▸ **Extracted entries**
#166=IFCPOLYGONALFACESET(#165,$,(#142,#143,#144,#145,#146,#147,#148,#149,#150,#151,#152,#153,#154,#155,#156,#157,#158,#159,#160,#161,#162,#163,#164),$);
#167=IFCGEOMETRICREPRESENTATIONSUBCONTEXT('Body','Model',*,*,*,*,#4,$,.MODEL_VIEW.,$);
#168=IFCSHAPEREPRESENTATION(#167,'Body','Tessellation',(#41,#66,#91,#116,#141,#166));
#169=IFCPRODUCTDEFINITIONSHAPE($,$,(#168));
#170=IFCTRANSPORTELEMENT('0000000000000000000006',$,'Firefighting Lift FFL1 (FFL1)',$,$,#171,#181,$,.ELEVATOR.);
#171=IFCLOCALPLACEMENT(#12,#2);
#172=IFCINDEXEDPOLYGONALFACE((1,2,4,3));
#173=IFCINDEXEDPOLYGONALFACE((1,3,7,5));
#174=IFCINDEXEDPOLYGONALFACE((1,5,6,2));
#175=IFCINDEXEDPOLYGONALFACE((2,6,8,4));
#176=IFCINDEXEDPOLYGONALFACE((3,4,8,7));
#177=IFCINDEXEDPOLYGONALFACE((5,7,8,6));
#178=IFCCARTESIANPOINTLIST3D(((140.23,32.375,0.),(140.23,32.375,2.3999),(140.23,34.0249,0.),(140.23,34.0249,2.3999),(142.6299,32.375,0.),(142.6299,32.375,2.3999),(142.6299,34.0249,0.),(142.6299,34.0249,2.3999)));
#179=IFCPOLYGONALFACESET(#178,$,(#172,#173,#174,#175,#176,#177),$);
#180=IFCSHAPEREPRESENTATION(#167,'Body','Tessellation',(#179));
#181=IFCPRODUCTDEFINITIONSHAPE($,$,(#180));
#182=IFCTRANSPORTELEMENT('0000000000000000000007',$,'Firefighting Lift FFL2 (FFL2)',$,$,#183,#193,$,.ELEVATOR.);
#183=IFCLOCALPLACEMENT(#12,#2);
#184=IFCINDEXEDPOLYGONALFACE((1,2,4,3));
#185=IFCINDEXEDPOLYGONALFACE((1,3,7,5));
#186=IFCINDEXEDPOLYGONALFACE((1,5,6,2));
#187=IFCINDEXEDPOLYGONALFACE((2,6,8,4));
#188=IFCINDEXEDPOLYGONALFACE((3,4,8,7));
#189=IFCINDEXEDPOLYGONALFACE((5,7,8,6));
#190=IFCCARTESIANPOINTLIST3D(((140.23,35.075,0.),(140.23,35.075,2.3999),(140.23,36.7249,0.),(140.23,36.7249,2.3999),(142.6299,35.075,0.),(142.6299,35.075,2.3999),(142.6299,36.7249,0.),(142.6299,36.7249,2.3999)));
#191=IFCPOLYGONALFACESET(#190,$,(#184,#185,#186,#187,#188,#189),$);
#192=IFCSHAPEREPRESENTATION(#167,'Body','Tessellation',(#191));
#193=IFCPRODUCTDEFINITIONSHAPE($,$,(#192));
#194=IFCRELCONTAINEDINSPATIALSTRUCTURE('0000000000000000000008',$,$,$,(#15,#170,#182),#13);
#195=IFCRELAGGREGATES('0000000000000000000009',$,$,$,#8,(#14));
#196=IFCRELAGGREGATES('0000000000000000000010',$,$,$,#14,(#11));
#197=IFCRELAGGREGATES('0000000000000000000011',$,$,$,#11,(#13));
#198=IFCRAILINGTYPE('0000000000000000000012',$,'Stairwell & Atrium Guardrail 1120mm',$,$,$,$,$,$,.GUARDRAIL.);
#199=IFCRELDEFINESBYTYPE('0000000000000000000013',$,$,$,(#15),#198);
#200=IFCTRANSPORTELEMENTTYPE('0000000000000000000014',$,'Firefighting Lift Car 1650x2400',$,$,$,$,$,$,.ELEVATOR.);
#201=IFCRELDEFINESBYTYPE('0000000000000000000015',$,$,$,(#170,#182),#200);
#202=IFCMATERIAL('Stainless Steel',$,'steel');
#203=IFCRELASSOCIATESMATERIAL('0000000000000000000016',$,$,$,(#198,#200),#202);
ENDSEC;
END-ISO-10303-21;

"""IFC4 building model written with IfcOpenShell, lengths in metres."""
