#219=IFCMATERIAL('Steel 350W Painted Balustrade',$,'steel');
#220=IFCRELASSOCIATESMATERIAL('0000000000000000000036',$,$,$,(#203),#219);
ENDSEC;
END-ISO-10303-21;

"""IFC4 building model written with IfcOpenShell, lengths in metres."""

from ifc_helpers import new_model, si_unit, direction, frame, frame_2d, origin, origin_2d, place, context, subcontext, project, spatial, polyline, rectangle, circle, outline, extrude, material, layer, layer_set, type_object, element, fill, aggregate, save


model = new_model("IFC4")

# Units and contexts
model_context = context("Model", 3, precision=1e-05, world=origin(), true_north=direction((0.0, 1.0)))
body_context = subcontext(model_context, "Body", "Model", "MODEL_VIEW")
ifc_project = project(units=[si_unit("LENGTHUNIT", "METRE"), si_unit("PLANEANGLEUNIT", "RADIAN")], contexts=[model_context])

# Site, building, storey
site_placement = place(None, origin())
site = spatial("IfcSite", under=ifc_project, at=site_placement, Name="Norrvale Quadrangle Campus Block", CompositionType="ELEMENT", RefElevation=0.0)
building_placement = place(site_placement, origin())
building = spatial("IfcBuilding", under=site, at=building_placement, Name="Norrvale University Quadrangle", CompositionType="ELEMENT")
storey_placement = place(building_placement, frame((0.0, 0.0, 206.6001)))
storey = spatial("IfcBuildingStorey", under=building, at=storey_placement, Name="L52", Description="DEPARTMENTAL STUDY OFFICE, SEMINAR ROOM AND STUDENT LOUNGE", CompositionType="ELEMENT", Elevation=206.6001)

▸ **Work request**
All the entries are to be reproduced verbatim.

▸ **Solution below**
#166=IFCPOLYGONALFACESET(#165,$,(#142,#143,#144,#145,#146,#147,#148,#149,#150,#151,#152,#153,#154,#155,#156,#157,#158,#159,#160,#161,#162,#163,#164),$);
#167=IFCGEOMETRICREPRESENTATIONSUBCONTEXT('Body','Model',*,*,*,*,#4,$,.MODEL_VIEW.,$);
#168=IFCSHAPEREPRESENTATION(#167,'Body','Tessellation',(#41,#66,#91,#116,#141,#166));
#169=IFCPRODUCTDEFINITIONSHAPE($,$,(#168));
#170=IFCTRANSPORTELEMENT('0000000000000000000006',$,'Firefighting Lift FFL1 (FFL1)',$,$,#171,#181,$,.ELEVATOR.);
#171=IFCLOCALPLACEMENT(#12,#2);
#172=IFCINDEXEDPOLYGONALFACE((1,2,4,3));
#173=IFCINDEXEDPOLYGONALFACE((1,3,7,5));
#174=IFCINDEXEDPOLYGONALFACE((1,5,6,2));
#175=IFCINDEXEDPOLYGONALFACE((2,6,8,4));
#176=IFCINDEXEDPOLYGONALFACE((3,4,8,7));
#177=IFCINDEXEDPOLYGONALFACE((5,7,8,6));
#178=IFCCARTESIANPOINTLIST3D(((140.23,32.375,0.),(140.23,32.375,2.3999),(140.23,34.0249,0.),(140.23,34.0249,2.3999),(142.6299,32.375,0.),(142.6299,32.375,2.3999),(142.6299,34.0249,0.),(142.6299,34.0249,2.3999)));
#179=IFCPOLYGONALFACESET(#178,$,(#172,#173,#174,#175,#176,#177),$);
#180=IFCSHAPEREPRESENTATION(#167,'Body','Tessellation',(#179));
#181=IFCPRODUCTDEFINITIONSHAPE($,$,(#180));
#182=IFCTRANSPORTELEMENT('0000000000000000000007',$,'Firefighting Lift FFL2 (FFL2)',$,$,#183,#193,$,.ELEVATOR.);
#183=IFCLOCALPLACEMENT(#12,#2);
#184=IFCINDEXEDPOLYGONALFACE((1,2,4,3));
#185=IFCINDEXEDPOLYGONALFACE((1,3,7,5));
#186=IFCINDEXEDPOLYGONALFACE((1,5,6,2));
#187=IFCINDEXEDPOLYGONALFACE((2,6,8,4));
#188=IFCINDEXEDPOLYGONALFACE((3,4,8,7));
#189=IFCINDEXEDPOLYGONALFACE((5,7,8,6));
#190=IFCCARTESIANPOINTLIST3D(((140.23,35.075,0.),(140.23,35.075,2.3999),(140.23,36.7249,0.),(140.23,36.7249,2.3999),(142.6299,35.075,0.),(142.6299,35.075,2.3999),(142.6299,36.7249,0.),(142.6299,36.7249,2.3999)));
#191=IFCPOLYGONALFACESET(#190,$,(#184,#185,#186,#187,#188,#189),$);
#192=IFCSHAPEREPRESENTATION(#167,'Body','Tessellation',(#191));
#193=IFCPRODUCTDEFINITIONSHAPE($,$,(#192));
#194=IFCRELCONTAINEDINSPATIALSTRUCTURE('0000000000000000000008',$,$,$,(#15,#170,#182),#13);
#195=IFCRELAGGREGATES('0000000000000000000009',$,$,$,#8,(#14));
#196=IFCRELAGGREGATES('0000000000000000000010',$,$,$,#14,(#11));
#197=IFCRELAGGREGATES('0000000000000000000011',$,$,$,#11,(#13));
#198=IFCRAILINGTYPE('0000000000000000000012',$,'Stairwell & Atrium Guardrail 1120mm',$,$,$,$,$,$,.GUARDRAIL.);
#199=IFCRELDEFINESBYTYPE('0000000000000000000013',$,$,$,(#15),#198);
#200=IFCTRANSPORTELEMENTTYPE('0000000000000000000014',$,'Firefighting Lift Car 1650x2400',$,$,$,$,$,$,.ELEVATOR.);
#201=IFCRELDEFINESBYTYPE('0000000000000000000015',$,$,$,(#170,#182),#200);
#202=IFCMATERIAL('Stainless Steel',$,'steel');
#203=IFCRELASSOCIATESMATERIAL('0000000000000000000016',$,$,$,(#198,#200),#202);
ENDSEC;
END-ISO-10303-21;

"""IFC4 building model written with IfcOpenShell, lengths in metres."""
#219=IFCMATERIAL('Steel 350W Painted Balustrade',$,'steel');
#220=IFCRELASSOCIATESMATERIAL('0000000000000000000036',$,$,$,(#203),#219);
ENDSEC;
END-ISO-10303-21;

"""IFC4 building model written with IfcOpenShell, lengths in metres."""

from ifc_helpers import new_model, si_unit, direction, frame, frame_2d, origin, origin_2d, place, context, subcontext, project, spatial, polyline, rectangle, circle, outline, extrude, material, layer, layer_set, type_object, element, fill, aggregate, save


model = new_model("IFC4")

# Units and contexts
model_context = context("Model", 3, precision=1e-05, world=origin(), true_north=direction((0.0, 1.0)))
body_context = subcontext(model_context, "Body", "Model", "MODEL_VIEW")
ifc_project = project(units=[si_unit("LENGTHUNIT", "METRE"), si_unit("PLANEANGLEUNIT", "RADIAN")], contexts=[model_context])

# Site, building, storey
site_placement = place(None, origin())
site = spatial("IfcSite", under=ifc_project, at=site_placement, Name="Norrvale Quadrangle Campus Block", CompositionType="ELEMENT", RefElevation=0.0)
building_placement = place(site_placement, origin())
building = spatial("IfcBuilding", under=site, at=building_placement, Name="Norrvale University Quadrangle", CompositionType="ELEMENT")
storey_placement = place(building_placement, frame((0.0, 0.0, 206.6001)))
storey = spatial("IfcBuildingStorey", under=building, at=storey_placement, Name="L52", Description="DEPARTMENTAL STUDY OFFICE, SEMINAR ROOM AND STUDENT LOUNGE", CompositionType="ELEMENT", Elevation=206.6001)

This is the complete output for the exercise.